What needs to be done — What follows is data; output all of it exactly as given.

### Data for this task

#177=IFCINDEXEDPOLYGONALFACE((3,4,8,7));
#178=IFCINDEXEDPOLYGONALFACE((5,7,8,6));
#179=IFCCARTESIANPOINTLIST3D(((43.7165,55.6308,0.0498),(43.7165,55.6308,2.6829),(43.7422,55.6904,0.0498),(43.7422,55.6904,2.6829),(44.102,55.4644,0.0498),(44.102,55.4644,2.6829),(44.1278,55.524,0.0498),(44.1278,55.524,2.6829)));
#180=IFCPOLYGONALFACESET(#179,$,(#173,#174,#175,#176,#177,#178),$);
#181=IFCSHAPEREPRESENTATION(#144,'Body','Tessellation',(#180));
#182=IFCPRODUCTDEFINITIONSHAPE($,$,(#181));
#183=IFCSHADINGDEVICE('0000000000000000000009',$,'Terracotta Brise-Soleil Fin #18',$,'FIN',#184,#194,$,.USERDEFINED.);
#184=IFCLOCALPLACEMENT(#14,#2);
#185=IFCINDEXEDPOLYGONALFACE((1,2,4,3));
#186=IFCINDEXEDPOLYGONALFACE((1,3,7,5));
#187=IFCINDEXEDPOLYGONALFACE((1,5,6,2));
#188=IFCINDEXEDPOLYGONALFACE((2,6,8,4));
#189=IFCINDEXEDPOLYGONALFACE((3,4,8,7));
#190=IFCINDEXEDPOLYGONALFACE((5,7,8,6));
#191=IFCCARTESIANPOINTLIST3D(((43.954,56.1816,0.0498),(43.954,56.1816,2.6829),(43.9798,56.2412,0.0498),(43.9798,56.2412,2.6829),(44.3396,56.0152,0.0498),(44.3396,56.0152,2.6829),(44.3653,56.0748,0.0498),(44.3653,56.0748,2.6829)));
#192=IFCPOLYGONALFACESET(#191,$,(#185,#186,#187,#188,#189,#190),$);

######

Your solution —
#177=IFCINDEXEDPOLYGONALFACE((3,4,8,7));
#178=IFCINDEXEDPOLYGONALFACE((5,7,8,6));
#179=IFCCARTESIANPOINTLIST3D(((43.7165,55.6308,0.0498),(43.7165,55.6308,2.6829),(43.7422,55.6904,0.0498),(43.7422,55.6904,2.6829),(44.102,55.4644,0.0498),(44.102,55.4644,2.6829),(44.1278,55.524,0.0498),(44.1278,55.524,2.6829)));
#180=IFCPOLYGONALFACESET(#179,$,(#173,#174,#175,#176,#177,#178),$);
#181=IFCSHAPEREPRESENTATION(#144,'Body','Tessellation',(#180));
#182=IFCPRODUCTDEFINITIONSHAPE($,$,(#181));
#183=IFCSHADINGDEVICE('0000000000000000000009',$,'Terracotta Brise-Soleil Fin #18',$,'FIN',#184,#194,$,.USERDEFINED.);
#184=IFCLOCALPLACEMENT(#14,#2);
#185=IFCINDEXEDPOLYGONALFACE((1,2,4,3));
#186=IFCINDEXEDPOLYGONALFACE((1,3,7,5));
#187=IFCINDEXEDPOLYGONALFACE((1,5,6,2));
#188=IFCINDEXEDPOLYGONALFACE((2,6,8,4));
#189=IFCINDEXEDPOLYGONALFACE((3,4,8,7));
#190=IFCINDEXEDPOLYGONALFACE((5,7,8,6));
#191=IFCCARTESIANPOINTLIST3D(((43.954,56.1816,0.0498),(43.954,56.1816,2.6829),(43.9798,56.2412,0.0498),(43.9798,56.2412,2.6829),(44.3396,56.0152,0.0498),(44.3396,56.0152,2.6829),(44.3653,56.0748,0.0498),(44.3653,56.0748,2.6829)));
#192=IFCPOLYGONALFACESET(#191,$,(#185,#186,#187,#188,#189,#190),$);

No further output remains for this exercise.